Range to output from the entries below: the line containing "#28=IFCINDEXEDPOLYGONALFACE((7,57,61,11));" through the line containing "#46=IFCINDEXEDPOLYGONALFACE((25,28,78,75));". Set it down exactly, ends included, nothing else.

────

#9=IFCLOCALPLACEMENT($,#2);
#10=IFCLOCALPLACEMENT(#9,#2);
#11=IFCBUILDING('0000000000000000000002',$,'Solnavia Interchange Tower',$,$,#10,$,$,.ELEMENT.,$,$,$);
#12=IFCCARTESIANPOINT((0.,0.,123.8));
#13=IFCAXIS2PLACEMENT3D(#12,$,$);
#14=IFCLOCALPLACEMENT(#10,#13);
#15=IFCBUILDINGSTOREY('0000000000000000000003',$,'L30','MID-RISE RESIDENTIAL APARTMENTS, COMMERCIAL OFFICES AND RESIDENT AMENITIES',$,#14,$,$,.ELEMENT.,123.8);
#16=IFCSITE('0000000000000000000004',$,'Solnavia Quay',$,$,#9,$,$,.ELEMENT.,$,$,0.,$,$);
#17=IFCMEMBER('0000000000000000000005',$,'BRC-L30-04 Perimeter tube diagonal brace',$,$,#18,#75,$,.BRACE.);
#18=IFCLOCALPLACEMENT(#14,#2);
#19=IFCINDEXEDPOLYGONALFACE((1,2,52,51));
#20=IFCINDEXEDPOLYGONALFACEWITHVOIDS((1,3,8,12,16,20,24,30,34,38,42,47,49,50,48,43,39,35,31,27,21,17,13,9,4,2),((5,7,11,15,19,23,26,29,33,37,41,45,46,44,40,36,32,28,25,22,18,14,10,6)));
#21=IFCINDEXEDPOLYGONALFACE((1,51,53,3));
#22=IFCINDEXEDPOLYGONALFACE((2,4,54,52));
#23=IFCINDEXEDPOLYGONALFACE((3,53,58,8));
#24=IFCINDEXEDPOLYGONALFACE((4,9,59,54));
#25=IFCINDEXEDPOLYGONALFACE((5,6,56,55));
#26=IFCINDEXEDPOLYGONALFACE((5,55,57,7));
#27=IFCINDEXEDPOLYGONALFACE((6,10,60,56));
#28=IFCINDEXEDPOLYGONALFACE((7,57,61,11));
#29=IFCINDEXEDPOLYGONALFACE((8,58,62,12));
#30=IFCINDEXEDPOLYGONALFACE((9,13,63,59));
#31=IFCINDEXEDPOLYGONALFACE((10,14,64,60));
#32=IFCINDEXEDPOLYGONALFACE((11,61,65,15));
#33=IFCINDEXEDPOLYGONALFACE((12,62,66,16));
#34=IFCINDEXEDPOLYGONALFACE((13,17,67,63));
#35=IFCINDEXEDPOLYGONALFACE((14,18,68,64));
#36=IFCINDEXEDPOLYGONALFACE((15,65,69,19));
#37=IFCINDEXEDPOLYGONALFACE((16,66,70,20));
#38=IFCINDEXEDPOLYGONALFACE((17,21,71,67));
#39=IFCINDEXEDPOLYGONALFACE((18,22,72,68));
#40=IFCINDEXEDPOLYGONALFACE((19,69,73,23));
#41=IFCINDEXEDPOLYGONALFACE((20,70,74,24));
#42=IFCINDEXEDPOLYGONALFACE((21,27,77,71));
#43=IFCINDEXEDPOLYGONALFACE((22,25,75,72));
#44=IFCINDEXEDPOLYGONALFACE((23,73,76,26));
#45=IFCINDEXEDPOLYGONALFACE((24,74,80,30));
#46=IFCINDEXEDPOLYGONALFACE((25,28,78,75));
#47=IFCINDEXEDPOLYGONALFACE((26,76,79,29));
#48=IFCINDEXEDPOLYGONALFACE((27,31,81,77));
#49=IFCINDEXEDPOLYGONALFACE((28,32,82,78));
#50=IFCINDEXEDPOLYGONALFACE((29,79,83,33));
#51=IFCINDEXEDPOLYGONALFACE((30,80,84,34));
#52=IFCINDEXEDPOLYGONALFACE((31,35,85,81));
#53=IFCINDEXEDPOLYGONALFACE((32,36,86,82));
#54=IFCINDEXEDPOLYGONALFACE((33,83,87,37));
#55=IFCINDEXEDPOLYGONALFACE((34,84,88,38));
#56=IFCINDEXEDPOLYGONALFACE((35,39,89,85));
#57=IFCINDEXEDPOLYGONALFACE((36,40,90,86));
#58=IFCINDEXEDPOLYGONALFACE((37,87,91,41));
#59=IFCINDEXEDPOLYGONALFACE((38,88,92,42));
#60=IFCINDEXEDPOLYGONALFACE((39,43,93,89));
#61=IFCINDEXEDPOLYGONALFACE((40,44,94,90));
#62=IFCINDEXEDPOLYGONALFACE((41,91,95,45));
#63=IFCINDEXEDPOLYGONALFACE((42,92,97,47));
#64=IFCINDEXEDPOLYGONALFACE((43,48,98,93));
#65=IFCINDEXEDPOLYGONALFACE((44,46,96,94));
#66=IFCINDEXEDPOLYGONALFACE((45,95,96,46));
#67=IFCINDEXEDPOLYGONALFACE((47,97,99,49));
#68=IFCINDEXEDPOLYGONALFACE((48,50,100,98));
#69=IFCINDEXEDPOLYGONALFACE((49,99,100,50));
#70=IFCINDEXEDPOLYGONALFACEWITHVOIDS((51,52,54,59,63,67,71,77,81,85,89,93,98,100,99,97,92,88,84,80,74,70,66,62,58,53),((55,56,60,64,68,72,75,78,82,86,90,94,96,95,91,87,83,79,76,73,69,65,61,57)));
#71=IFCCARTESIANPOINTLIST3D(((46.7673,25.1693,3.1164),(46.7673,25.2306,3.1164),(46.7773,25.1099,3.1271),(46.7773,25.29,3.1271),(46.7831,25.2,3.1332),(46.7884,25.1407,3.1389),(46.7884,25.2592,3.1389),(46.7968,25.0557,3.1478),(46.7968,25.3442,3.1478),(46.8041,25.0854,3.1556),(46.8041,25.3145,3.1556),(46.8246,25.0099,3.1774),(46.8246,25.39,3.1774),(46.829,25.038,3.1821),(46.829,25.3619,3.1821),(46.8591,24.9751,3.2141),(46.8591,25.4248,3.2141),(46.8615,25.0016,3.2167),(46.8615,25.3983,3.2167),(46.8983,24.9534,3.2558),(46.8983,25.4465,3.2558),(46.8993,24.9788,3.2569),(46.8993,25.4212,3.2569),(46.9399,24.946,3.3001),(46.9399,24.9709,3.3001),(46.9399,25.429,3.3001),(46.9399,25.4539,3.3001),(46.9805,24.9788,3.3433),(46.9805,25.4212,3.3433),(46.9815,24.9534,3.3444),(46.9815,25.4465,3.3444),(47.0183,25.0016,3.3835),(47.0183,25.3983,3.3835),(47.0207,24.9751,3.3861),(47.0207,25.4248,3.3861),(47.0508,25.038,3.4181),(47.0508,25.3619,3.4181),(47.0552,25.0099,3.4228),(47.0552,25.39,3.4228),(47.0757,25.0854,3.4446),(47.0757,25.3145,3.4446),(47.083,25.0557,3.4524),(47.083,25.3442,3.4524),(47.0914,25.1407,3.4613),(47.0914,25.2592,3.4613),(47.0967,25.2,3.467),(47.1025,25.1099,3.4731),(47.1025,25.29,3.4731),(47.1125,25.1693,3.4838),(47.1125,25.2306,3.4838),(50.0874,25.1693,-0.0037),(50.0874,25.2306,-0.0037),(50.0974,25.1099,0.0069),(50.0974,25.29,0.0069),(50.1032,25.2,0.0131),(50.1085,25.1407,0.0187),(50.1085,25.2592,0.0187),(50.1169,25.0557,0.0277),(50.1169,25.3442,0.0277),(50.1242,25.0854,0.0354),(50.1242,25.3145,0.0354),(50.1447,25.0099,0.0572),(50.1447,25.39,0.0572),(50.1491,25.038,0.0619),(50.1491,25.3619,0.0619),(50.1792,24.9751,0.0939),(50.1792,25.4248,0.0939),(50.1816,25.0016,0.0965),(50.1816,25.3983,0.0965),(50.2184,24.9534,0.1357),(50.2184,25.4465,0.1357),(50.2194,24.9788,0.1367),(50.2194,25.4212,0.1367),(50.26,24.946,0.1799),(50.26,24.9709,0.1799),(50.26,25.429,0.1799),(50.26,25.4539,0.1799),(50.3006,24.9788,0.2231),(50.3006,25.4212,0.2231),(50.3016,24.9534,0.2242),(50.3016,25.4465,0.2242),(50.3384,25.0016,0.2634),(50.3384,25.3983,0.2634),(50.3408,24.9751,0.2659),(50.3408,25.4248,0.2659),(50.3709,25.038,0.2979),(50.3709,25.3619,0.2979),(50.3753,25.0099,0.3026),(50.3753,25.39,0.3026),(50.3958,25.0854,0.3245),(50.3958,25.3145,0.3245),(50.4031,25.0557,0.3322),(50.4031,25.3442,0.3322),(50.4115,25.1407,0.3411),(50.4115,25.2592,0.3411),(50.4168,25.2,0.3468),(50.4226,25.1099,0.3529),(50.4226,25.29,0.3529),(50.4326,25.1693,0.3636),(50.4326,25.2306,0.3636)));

────

YOUR SOLUTION
#28=IFCINDEXEDPOLYGONALFACE((7,57,61,11));
#29=IFCINDEXEDPOLYGONALFACE((8,58,62,12));
#30=IFCINDEXEDPOLYGONALFACE((9,13,63,59));
#31=IFCINDEXEDPOLYGONALFACE((10,14,64,60));
#32=IFCINDEXEDPOLYGONALFACE((11,61,65,15));
#33=IFCINDEXEDPOLYGONALFACE((12,62,66,16));
#34=IFCINDEXEDPOLYGONALFACE((13,17,67,63));
#35=IFCINDEXEDPOLYGONALFACE((14,18,68,64));
#36=IFCINDEXEDPOLYGONALFACE((15,65,69,19));
#37=IFCINDEXEDPOLYGONALFACE((16,66,70,20));
#38=IFCINDEXEDPOLYGONALFACE((17,21,71,67));
#39=IFCINDEXEDPOLYGONALFACE((18,22,72,68));
#40=IFCINDEXEDPOLYGONALFACE((19,69,73,23));
#41=IFCINDEXEDPOLYGONALFACE((20,70,74,24));
#42=IFCINDEXEDPOLYGONALFACE((21,27,77,71));
#43=IFCINDEXEDPOLYGONALFACE((22,25,75,72));
#44=IFCINDEXEDPOLYGONALFACE((23,73,76,26));
#45=IFCINDEXEDPOLYGONALFACE((24,74,80,30));
#46=IFCINDEXEDPOLYGONALFACE((25,28,78,75));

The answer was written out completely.